───── SUPPLIED DATA ─────

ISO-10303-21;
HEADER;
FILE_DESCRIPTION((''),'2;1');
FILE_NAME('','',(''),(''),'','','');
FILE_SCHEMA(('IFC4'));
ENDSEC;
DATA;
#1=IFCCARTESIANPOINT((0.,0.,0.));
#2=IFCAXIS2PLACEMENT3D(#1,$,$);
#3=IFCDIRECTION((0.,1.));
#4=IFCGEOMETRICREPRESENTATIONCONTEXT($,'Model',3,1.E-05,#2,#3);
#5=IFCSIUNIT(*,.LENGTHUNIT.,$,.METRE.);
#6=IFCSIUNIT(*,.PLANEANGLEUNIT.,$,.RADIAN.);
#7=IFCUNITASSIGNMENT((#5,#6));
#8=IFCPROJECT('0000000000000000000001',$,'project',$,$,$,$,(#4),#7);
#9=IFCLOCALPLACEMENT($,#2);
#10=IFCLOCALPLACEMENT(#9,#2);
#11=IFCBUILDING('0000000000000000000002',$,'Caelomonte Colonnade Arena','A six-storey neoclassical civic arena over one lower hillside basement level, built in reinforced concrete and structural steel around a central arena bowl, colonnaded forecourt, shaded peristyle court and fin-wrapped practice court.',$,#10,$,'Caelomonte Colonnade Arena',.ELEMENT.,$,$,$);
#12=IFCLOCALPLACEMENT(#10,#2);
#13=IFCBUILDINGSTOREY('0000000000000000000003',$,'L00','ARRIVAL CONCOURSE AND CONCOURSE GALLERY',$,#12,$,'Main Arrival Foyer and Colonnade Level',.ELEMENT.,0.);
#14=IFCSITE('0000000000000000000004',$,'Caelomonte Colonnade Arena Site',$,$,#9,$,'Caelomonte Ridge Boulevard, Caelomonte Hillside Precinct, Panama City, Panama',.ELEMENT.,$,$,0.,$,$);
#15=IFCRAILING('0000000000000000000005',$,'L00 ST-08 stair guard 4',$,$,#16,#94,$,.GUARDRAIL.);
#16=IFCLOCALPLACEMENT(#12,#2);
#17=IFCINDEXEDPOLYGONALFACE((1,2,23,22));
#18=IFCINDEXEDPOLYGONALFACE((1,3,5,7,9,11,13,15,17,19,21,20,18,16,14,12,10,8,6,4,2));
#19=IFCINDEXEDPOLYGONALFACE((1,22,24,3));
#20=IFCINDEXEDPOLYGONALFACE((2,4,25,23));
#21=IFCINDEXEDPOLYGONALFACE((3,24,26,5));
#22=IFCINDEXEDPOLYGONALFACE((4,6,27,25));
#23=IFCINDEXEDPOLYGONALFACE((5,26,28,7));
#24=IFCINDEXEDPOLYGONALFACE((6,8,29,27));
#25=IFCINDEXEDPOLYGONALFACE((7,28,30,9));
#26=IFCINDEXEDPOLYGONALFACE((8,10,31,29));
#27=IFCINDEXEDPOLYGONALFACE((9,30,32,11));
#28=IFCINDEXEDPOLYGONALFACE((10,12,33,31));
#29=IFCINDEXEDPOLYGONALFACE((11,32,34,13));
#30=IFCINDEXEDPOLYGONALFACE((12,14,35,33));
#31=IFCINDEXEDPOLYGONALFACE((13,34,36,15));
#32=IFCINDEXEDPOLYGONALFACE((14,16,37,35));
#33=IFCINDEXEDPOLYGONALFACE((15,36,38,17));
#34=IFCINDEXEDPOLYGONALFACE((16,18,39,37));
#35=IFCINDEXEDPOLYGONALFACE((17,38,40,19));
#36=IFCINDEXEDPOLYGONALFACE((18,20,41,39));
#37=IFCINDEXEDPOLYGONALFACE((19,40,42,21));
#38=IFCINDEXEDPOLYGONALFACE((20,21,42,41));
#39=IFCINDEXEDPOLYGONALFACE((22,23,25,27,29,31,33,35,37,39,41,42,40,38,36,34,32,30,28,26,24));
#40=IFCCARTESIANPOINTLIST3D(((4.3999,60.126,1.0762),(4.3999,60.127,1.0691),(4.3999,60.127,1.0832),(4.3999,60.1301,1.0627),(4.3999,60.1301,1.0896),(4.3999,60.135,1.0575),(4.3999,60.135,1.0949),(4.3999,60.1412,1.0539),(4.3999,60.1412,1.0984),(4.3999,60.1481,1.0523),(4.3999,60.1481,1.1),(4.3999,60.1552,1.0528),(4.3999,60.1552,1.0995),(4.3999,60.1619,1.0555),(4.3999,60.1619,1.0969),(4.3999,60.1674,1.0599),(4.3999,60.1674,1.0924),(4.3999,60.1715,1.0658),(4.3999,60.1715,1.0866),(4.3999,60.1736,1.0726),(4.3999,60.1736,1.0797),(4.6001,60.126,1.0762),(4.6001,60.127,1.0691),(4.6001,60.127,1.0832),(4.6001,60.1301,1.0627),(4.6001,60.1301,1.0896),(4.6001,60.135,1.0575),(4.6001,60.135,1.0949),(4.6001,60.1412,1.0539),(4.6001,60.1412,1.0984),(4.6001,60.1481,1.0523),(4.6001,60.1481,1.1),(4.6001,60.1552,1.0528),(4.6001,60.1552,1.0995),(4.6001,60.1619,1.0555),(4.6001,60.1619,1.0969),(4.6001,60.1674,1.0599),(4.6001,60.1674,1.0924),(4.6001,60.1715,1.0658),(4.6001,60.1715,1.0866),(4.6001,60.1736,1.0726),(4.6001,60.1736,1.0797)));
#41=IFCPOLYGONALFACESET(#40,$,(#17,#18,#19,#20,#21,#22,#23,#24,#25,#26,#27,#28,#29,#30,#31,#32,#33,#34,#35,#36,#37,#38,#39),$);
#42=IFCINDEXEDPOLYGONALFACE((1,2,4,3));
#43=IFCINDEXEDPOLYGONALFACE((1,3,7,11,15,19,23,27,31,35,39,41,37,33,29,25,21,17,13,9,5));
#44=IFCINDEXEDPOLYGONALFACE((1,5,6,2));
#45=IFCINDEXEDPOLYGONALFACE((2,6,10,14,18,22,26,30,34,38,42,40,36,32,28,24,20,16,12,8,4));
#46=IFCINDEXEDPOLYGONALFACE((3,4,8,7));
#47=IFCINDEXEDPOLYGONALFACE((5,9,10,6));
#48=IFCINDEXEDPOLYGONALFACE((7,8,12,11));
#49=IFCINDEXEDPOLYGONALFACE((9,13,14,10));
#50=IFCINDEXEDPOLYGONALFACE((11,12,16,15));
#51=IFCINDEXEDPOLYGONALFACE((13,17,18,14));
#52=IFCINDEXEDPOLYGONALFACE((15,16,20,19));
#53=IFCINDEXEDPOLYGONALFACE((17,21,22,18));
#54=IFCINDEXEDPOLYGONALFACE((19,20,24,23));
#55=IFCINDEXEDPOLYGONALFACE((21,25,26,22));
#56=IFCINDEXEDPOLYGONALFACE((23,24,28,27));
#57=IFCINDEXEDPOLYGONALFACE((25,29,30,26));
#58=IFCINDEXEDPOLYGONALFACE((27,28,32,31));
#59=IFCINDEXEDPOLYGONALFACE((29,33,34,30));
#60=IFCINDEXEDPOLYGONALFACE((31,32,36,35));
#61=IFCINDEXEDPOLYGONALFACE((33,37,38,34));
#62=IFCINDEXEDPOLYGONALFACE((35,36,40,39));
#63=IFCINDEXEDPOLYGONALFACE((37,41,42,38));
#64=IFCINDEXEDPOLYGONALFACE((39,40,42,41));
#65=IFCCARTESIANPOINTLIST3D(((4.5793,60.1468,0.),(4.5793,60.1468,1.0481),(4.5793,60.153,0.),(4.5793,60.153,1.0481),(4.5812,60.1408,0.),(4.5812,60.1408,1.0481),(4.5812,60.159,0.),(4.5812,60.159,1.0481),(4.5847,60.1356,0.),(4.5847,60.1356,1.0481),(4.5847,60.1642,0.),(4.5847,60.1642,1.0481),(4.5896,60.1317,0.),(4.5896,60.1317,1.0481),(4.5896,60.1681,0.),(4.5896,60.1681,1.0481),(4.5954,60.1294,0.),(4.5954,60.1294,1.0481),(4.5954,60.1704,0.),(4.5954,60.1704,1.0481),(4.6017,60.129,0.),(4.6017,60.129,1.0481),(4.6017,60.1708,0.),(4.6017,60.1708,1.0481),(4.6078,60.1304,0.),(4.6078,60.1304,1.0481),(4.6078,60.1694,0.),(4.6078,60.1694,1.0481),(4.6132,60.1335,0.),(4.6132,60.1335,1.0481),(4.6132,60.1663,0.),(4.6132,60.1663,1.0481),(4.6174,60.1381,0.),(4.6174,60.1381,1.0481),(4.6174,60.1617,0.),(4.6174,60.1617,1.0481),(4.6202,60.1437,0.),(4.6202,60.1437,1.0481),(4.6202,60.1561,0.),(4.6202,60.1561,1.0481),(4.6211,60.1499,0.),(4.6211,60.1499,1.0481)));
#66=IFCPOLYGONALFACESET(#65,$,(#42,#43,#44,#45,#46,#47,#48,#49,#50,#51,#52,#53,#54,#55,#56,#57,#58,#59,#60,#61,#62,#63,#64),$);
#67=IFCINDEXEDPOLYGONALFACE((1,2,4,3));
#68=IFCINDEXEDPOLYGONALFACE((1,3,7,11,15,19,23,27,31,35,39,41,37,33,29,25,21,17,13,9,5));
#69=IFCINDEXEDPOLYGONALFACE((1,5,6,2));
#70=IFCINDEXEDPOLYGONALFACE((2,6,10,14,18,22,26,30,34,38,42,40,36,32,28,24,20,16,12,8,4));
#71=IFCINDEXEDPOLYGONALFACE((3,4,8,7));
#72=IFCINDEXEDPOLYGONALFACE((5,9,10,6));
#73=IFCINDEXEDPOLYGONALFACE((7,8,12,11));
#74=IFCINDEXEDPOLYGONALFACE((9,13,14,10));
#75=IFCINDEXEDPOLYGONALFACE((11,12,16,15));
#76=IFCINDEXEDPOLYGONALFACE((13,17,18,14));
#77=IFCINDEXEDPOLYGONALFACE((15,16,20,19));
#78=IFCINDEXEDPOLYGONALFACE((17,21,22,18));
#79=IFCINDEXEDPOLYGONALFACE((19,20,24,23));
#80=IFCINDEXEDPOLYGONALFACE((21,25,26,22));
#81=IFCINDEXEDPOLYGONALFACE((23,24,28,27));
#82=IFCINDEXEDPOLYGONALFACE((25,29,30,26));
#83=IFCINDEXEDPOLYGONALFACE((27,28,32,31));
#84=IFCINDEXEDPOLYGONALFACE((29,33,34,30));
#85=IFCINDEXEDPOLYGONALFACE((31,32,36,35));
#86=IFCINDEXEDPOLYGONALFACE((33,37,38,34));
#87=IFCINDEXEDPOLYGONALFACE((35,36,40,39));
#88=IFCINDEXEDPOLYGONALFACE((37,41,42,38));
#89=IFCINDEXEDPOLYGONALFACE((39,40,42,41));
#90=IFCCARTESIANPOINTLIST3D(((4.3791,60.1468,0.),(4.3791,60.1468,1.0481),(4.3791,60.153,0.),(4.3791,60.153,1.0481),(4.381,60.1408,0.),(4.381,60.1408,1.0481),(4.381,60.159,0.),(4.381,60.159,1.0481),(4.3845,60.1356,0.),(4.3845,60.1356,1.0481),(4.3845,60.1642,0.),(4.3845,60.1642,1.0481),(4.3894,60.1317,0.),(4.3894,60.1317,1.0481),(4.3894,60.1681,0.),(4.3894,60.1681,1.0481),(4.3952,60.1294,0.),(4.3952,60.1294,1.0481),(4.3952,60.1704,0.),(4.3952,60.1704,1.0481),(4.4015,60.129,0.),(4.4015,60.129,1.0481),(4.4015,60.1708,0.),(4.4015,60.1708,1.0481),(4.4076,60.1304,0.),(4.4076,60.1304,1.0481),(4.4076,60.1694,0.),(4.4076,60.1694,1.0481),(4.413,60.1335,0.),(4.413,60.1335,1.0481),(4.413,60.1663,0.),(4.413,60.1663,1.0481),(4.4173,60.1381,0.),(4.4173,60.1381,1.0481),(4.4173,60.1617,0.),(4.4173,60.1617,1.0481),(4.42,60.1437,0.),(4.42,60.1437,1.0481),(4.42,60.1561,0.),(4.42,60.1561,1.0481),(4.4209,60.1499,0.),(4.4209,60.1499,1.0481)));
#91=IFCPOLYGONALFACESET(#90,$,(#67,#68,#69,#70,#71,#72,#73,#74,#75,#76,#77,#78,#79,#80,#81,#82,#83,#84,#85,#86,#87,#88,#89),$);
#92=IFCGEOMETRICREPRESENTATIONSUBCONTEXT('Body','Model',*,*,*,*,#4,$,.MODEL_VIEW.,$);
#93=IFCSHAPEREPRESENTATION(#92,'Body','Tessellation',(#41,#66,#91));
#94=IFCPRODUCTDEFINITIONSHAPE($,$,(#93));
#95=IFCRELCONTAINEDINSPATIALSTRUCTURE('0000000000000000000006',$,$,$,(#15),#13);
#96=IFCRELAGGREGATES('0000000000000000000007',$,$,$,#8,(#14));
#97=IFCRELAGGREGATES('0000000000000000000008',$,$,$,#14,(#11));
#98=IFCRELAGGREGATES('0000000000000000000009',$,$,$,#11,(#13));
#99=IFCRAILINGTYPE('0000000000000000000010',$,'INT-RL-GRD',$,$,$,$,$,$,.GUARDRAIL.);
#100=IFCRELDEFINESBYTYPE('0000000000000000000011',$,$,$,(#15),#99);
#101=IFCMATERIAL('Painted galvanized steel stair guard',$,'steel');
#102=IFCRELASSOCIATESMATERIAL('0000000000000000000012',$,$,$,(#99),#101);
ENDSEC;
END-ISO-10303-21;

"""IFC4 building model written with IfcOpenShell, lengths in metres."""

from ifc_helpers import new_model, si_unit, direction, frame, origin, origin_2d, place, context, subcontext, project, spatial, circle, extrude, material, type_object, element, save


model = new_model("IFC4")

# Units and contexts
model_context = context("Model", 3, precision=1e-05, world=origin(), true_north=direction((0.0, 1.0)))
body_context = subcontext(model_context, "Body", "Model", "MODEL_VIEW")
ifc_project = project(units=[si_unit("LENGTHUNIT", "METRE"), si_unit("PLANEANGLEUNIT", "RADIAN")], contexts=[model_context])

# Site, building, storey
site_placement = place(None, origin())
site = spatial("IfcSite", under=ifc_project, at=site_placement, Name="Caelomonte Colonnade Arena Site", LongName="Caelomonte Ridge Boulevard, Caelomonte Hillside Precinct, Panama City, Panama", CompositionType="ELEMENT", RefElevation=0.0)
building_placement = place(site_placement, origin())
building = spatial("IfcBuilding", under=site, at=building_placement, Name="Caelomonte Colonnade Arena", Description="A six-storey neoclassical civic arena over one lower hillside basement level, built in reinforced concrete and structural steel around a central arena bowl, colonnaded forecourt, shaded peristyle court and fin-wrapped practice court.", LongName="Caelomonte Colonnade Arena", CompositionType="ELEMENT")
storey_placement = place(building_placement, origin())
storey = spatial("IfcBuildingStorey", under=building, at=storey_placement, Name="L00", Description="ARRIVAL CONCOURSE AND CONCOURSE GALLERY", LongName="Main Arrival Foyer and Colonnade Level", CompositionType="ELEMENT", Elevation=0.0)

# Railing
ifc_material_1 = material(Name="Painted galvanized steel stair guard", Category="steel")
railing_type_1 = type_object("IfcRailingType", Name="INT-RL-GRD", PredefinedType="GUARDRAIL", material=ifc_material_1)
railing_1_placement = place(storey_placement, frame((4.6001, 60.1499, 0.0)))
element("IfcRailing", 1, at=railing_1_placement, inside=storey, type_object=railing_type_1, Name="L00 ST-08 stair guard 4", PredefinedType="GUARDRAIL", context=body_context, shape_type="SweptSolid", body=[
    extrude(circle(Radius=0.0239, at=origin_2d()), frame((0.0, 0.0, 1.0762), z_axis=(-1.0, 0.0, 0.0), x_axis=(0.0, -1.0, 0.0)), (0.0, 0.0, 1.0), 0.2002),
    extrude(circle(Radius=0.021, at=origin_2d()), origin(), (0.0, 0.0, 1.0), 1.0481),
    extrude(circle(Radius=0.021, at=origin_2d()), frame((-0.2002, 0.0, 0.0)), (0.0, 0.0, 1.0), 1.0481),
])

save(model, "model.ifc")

─────

From the entries above, restate word for word the lines from the line containing "#21=IFCINDEXEDPOLYGONALFACE((3,24,26,5));" to the line containing "#26=IFCINDEXEDPOLYGONALFACE((8,10,31,29));", both ends included, and nothing more.

#21=IFCINDEXEDPOLYGONALFACE((3,24,26,5));
#22=IFCINDEXEDPOLYGONALFACE((4,6,27,25));
#23=IFCINDEXEDPOLYGONALFACE((5,26,28,7));
#24=IFCINDEXEDPOLYGONALFACE((6,8,29,27));
#25=IFCINDEXEDPOLYGONALFACE((7,28,30,9));
#26=IFCINDEXEDPOLYGONALFACE((8,10,31,29));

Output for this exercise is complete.